Would you filter these records and copy every line that has the word "IFCPRODUCTDEFINITIONSHAPE"?

[Recorded data]
....................

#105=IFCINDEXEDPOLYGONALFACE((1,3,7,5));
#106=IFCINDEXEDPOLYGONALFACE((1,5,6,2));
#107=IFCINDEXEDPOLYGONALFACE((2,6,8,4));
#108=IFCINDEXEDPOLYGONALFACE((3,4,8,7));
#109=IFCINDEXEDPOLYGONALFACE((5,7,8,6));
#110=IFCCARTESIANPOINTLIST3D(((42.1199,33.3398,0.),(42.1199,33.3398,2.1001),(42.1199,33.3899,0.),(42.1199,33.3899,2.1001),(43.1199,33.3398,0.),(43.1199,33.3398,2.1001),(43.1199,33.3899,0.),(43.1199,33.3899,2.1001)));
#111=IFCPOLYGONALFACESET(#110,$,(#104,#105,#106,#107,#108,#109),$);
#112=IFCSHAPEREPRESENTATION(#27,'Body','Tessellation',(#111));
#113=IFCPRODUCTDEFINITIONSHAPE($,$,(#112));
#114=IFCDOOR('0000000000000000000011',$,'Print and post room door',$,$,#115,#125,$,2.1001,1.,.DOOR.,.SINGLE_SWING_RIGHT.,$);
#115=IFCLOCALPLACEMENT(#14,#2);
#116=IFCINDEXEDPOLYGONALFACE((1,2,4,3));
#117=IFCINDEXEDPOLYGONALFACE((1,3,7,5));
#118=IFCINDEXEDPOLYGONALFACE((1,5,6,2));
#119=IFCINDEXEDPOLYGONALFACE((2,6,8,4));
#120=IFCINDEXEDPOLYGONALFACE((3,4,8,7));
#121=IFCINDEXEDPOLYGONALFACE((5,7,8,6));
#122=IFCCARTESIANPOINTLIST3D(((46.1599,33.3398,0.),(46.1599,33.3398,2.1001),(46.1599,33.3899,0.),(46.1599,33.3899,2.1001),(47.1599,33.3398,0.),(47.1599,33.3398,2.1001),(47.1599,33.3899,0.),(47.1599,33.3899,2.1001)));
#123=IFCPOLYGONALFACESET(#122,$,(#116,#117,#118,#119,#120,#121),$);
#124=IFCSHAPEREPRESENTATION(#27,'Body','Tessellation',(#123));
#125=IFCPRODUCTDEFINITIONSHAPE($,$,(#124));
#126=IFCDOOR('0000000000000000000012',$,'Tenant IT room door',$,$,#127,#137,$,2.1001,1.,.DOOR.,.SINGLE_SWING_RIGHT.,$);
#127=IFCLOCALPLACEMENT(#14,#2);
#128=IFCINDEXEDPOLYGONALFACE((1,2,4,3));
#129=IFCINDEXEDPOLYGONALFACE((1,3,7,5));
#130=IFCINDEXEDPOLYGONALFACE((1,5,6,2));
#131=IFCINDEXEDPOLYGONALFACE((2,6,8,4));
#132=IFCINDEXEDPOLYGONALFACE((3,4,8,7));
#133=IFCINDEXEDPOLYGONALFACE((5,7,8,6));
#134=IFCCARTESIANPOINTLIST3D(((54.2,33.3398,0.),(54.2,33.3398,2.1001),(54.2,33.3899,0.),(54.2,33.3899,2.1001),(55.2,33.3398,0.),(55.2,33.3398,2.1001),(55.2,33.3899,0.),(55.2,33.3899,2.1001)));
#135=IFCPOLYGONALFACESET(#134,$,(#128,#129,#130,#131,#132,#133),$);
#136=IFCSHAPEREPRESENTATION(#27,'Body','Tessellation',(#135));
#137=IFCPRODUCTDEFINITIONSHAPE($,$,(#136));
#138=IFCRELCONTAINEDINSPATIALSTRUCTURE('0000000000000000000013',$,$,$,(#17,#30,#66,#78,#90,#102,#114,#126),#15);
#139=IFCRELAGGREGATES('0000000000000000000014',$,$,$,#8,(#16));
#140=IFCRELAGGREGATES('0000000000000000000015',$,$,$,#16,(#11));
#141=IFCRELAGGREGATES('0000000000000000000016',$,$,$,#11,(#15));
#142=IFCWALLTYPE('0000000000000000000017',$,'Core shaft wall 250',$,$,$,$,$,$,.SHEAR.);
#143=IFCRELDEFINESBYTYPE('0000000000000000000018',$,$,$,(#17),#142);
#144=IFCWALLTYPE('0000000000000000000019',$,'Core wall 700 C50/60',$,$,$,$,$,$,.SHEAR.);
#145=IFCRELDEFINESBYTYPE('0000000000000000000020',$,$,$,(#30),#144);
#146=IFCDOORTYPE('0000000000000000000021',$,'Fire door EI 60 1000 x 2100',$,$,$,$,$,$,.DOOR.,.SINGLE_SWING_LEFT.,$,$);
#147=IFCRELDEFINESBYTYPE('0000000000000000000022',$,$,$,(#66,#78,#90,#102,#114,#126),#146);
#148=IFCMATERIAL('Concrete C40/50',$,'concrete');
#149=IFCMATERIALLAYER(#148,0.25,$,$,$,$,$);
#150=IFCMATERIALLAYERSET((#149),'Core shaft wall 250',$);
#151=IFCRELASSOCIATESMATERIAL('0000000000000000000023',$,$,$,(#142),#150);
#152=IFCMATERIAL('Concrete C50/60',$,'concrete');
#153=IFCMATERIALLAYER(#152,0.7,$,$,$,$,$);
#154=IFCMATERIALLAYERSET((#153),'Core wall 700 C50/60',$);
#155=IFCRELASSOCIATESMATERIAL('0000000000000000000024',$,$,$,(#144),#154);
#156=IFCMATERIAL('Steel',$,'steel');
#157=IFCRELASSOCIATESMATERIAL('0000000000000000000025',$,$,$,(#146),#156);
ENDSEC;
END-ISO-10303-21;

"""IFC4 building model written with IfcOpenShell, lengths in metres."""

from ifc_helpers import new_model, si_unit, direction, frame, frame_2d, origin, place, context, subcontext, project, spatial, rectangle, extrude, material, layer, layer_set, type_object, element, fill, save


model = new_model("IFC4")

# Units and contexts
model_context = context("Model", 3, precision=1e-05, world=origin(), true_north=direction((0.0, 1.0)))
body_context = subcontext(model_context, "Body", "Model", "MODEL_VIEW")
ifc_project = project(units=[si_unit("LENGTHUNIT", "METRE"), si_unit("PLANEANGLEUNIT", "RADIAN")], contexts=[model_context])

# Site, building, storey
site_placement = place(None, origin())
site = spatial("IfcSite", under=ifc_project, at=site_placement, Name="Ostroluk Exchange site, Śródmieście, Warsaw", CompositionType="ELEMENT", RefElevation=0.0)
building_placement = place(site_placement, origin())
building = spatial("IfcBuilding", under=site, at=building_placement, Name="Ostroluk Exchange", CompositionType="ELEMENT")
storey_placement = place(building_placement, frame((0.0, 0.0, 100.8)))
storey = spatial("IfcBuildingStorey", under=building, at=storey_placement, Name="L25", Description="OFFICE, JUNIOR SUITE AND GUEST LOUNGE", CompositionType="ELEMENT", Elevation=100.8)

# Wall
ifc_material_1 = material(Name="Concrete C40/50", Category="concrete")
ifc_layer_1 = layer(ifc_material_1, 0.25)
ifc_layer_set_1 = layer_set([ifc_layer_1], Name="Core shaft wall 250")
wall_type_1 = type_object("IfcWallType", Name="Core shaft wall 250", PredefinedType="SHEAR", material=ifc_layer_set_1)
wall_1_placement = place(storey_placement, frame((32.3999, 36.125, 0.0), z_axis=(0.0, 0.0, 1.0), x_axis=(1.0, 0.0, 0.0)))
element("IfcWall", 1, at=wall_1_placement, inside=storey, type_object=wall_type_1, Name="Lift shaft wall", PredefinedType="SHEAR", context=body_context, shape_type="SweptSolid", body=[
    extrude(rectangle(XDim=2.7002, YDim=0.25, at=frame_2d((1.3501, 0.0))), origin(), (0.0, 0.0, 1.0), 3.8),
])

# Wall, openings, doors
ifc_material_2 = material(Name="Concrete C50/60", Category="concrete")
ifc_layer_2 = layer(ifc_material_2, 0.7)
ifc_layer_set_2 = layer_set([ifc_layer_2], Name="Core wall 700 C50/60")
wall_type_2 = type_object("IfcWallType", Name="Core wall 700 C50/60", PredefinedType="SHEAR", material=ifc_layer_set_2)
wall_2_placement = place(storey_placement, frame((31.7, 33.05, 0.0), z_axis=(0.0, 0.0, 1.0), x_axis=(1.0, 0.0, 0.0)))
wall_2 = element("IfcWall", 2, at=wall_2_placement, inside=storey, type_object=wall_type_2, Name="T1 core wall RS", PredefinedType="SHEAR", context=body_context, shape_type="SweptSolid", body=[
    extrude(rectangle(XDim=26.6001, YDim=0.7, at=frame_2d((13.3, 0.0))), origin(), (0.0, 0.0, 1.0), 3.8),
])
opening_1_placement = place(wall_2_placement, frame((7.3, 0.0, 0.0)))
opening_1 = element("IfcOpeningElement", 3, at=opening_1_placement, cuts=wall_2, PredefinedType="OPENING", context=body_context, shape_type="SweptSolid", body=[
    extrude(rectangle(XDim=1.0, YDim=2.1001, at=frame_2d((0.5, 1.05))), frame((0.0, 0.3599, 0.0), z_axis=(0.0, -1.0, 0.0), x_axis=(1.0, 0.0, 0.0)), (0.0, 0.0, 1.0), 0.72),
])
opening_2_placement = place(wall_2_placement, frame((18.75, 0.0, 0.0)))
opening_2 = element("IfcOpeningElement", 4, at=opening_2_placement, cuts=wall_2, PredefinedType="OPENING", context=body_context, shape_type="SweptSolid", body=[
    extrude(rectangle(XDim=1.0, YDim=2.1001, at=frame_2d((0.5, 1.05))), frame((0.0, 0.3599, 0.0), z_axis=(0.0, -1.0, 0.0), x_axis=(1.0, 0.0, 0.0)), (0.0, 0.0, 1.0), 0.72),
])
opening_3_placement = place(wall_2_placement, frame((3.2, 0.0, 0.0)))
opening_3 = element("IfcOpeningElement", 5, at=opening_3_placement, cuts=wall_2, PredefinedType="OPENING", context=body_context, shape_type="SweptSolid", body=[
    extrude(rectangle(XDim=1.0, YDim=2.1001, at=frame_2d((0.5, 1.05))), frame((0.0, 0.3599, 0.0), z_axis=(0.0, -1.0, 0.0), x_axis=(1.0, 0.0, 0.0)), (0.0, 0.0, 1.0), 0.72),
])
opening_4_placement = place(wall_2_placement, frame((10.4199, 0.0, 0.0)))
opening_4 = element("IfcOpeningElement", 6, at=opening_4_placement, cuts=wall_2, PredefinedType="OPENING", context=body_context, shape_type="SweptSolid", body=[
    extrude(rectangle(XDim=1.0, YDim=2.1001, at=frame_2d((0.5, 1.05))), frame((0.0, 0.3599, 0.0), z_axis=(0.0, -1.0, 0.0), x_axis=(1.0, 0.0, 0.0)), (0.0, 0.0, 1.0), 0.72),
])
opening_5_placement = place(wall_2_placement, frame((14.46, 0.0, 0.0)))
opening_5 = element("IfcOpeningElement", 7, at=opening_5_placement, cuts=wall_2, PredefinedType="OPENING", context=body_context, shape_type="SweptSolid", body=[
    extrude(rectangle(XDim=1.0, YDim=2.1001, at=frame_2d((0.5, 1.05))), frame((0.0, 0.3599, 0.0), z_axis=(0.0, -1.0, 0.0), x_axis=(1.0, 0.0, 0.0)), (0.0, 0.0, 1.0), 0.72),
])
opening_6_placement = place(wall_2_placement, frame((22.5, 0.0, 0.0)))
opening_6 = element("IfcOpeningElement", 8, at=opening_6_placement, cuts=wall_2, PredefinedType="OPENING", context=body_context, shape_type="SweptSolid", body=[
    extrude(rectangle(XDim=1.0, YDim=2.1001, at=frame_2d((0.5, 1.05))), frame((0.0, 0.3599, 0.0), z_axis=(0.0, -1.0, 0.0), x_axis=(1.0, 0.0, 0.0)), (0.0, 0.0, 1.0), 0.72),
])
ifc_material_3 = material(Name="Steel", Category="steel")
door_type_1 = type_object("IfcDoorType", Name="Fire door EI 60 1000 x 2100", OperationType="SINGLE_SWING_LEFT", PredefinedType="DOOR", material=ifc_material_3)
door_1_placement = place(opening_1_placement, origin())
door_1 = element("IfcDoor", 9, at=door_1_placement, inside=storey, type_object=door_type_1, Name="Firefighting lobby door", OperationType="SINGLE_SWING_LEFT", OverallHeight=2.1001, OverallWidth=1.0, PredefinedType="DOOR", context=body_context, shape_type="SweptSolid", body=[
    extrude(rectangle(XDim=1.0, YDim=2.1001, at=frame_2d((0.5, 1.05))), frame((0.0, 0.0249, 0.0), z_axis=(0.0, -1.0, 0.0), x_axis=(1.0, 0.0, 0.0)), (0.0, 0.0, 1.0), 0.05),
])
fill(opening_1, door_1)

....................

**SOLUTION TO THIS PROBLEM:**
#113=IFCPRODUCTDEFINITIONSHAPE($,$,(#112));
#125=IFCPRODUCTDEFINITIONSHAPE($,$,(#124));
#137=IFCPRODUCTDEFINITIONSHAPE($,$,(#136));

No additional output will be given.